## Collected data entries:
***
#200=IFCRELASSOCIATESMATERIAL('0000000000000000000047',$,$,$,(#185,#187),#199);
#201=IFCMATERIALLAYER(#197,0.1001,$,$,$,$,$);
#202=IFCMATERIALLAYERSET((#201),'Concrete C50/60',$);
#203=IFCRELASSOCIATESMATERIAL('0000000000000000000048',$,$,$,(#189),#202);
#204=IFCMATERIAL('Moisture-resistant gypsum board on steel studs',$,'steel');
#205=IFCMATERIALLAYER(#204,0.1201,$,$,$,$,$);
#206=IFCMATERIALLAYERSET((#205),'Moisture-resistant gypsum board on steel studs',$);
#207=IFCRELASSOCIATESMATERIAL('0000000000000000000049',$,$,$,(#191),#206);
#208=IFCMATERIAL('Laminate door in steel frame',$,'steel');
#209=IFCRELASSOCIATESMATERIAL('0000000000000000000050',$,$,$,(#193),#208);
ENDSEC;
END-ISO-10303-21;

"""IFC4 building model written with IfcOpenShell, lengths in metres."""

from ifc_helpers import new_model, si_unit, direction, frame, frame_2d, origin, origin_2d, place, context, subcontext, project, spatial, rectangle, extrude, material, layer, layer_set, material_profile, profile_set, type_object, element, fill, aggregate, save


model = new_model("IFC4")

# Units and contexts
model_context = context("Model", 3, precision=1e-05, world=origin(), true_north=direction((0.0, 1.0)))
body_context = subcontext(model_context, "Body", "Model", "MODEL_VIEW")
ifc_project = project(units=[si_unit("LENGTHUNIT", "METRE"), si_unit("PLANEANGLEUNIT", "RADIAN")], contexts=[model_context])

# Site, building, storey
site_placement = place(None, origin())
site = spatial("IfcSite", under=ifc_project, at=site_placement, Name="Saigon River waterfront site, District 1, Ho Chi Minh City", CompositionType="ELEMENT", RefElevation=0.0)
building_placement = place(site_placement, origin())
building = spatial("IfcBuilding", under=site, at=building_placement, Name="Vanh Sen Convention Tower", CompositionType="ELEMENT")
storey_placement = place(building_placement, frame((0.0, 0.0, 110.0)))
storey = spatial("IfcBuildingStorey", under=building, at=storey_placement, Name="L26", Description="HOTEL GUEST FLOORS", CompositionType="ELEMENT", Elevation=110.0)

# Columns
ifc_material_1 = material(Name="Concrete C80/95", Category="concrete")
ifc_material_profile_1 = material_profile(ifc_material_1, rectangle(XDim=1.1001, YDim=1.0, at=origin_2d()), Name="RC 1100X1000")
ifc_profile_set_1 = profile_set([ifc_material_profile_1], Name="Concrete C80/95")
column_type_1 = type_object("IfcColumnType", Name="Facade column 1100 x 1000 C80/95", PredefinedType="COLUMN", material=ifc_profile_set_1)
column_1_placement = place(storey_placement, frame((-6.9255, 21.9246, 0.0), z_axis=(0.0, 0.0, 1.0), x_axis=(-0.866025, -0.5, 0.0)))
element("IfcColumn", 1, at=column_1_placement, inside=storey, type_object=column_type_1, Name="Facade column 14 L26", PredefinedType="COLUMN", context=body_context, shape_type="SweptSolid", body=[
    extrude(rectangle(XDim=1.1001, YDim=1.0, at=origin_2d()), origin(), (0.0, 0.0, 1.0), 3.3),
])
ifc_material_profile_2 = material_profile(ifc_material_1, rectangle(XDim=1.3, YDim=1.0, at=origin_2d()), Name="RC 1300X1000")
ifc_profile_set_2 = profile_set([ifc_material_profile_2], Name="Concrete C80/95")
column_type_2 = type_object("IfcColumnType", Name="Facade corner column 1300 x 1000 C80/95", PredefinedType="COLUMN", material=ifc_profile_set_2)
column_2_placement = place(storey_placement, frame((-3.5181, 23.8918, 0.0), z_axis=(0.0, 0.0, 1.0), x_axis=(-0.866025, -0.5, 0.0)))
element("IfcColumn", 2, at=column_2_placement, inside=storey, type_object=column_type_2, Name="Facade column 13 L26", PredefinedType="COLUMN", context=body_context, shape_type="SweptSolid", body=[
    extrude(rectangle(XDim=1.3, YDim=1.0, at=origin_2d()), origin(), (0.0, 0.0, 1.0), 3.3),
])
***
Write down, word for word, the lines above from the one containing "#202=IFCMATERIALLAYERSET((#201),'Concrete C50/60',$);" through the one containing "# Units and contexts", both ends included.

## Answer:
#202=IFCMATERIALLAYERSET((#201),'Concrete C50/60',$);
#203=IFCRELASSOCIATESMATERIAL('0000000000000000000048',$,$,$,(#189),#202);
#204=IFCMATERIAL('Moisture-resistant gypsum board on steel studs',$,'steel');
#205=IFCMATERIALLAYER(#204,0.1201,$,$,$,$,$);
#206=IFCMATERIALLAYERSET((#205),'Moisture-resistant gypsum board on steel studs',$);
#207=IFCRELASSOCIATESMATERIAL('0000000000000000000049',$,$,$,(#191),#206);
#208=IFCMATERIAL('Laminate door in steel frame',$,'steel');
#209=IFCRELASSOCIATESMATERIAL('0000000000000000000050',$,$,$,(#193),#208);
ENDSEC;
END-ISO-10303-21;

"""IFC4 building model written with IfcOpenShell, lengths in metres."""

from ifc_helpers import new_model, si_unit, direction, frame, frame_2d, origin, origin_2d, place, context, subcontext, project, spatial, rectangle, extrude, material, layer, layer_set, material_profile, profile_set, type_object, element, fill, aggregate, save


model = new_model("IFC4")

# Units and contexts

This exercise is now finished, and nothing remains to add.